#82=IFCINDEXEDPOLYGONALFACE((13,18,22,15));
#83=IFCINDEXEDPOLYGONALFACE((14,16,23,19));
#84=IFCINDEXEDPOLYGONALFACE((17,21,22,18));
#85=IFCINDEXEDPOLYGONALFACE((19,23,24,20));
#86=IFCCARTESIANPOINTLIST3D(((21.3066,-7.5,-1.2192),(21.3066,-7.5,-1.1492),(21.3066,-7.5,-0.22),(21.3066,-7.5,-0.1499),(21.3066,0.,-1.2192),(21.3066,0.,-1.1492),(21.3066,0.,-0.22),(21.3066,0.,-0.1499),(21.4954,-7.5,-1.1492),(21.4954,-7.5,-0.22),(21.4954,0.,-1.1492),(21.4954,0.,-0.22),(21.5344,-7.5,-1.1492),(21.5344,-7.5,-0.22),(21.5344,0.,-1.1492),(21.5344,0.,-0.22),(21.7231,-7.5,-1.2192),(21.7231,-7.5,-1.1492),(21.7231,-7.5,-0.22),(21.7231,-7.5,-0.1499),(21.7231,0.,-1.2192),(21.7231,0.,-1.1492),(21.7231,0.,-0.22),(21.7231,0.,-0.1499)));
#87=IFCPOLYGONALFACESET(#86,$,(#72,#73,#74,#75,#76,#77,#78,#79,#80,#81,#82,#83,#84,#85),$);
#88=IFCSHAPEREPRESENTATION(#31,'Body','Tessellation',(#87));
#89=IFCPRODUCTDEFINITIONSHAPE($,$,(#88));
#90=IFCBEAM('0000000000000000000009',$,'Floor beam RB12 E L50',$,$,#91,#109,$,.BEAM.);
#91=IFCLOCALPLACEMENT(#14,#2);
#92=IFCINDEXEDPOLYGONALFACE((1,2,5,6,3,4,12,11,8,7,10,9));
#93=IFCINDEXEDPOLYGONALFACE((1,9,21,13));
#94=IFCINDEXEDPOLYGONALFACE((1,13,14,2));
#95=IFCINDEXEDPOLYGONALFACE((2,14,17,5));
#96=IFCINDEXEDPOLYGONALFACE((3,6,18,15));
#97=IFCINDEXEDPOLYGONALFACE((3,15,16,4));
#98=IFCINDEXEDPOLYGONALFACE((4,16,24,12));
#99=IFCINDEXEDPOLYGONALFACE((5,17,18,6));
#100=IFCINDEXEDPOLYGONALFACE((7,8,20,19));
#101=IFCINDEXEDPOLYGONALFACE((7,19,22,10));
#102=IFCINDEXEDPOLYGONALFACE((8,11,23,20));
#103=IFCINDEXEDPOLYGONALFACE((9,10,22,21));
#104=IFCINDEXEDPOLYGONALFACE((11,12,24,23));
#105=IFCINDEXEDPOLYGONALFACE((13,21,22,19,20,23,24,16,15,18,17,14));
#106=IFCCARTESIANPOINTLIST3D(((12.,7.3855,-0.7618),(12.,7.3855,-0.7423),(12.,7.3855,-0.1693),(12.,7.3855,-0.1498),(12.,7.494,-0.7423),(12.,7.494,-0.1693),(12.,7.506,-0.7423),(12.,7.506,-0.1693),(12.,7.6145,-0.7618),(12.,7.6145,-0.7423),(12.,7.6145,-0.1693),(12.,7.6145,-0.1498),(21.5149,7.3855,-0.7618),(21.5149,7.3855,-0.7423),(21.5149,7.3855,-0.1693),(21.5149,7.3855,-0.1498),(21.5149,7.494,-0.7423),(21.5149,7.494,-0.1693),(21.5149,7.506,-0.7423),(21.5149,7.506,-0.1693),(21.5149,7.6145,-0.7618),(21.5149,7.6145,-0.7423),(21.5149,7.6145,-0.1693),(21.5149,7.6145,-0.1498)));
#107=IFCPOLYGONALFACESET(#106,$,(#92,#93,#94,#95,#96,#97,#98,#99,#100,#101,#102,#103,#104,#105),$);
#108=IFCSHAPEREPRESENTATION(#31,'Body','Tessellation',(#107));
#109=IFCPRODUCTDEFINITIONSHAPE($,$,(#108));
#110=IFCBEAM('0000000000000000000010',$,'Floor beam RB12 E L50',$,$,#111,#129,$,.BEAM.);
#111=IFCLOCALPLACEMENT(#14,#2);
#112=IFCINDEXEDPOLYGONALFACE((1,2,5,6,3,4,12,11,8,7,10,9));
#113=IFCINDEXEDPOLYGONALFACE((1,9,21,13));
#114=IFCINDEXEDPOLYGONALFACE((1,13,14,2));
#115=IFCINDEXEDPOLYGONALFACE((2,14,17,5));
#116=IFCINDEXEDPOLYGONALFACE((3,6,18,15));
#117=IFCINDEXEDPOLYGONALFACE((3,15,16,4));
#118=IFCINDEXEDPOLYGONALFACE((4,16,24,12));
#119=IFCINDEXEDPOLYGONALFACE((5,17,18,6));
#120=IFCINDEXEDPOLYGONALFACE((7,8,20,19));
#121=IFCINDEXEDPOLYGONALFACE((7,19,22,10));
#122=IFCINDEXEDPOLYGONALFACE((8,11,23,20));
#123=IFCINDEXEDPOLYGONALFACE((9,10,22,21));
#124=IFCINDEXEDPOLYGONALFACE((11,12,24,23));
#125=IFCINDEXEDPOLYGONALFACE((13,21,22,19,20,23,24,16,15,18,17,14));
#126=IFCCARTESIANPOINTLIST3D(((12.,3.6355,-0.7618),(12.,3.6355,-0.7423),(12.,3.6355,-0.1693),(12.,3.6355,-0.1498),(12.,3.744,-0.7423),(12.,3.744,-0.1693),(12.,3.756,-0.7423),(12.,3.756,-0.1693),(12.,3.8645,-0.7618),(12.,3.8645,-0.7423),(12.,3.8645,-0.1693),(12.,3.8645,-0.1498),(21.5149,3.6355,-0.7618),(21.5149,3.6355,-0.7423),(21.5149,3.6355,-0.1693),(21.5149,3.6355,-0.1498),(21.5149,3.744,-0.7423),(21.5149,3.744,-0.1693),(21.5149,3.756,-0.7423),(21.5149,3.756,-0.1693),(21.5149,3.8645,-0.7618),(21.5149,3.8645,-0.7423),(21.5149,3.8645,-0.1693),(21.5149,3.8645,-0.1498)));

- WHAT TO PRODUCE -
From the records above, retype only the lines starting at the line that contains "#118=IFCINDEXEDPOLYGONALFACE((4,16,24,12));" and ending at the line that contains "#122=IFCINDEXEDPOLYGONALFACE((8,11,23,20));", both included.

- SOLUTION TO THE PROBLEM -
#118=IFCINDEXEDPOLYGONALFACE((4,16,24,12));
#119=IFCINDEXEDPOLYGONALFACE((5,17,18,6));
#120=IFCINDEXEDPOLYGONALFACE((7,8,20,19));
#121=IFCINDEXEDPOLYGONALFACE((7,19,22,10));
#122=IFCINDEXEDPOLYGONALFACE((8,11,23,20));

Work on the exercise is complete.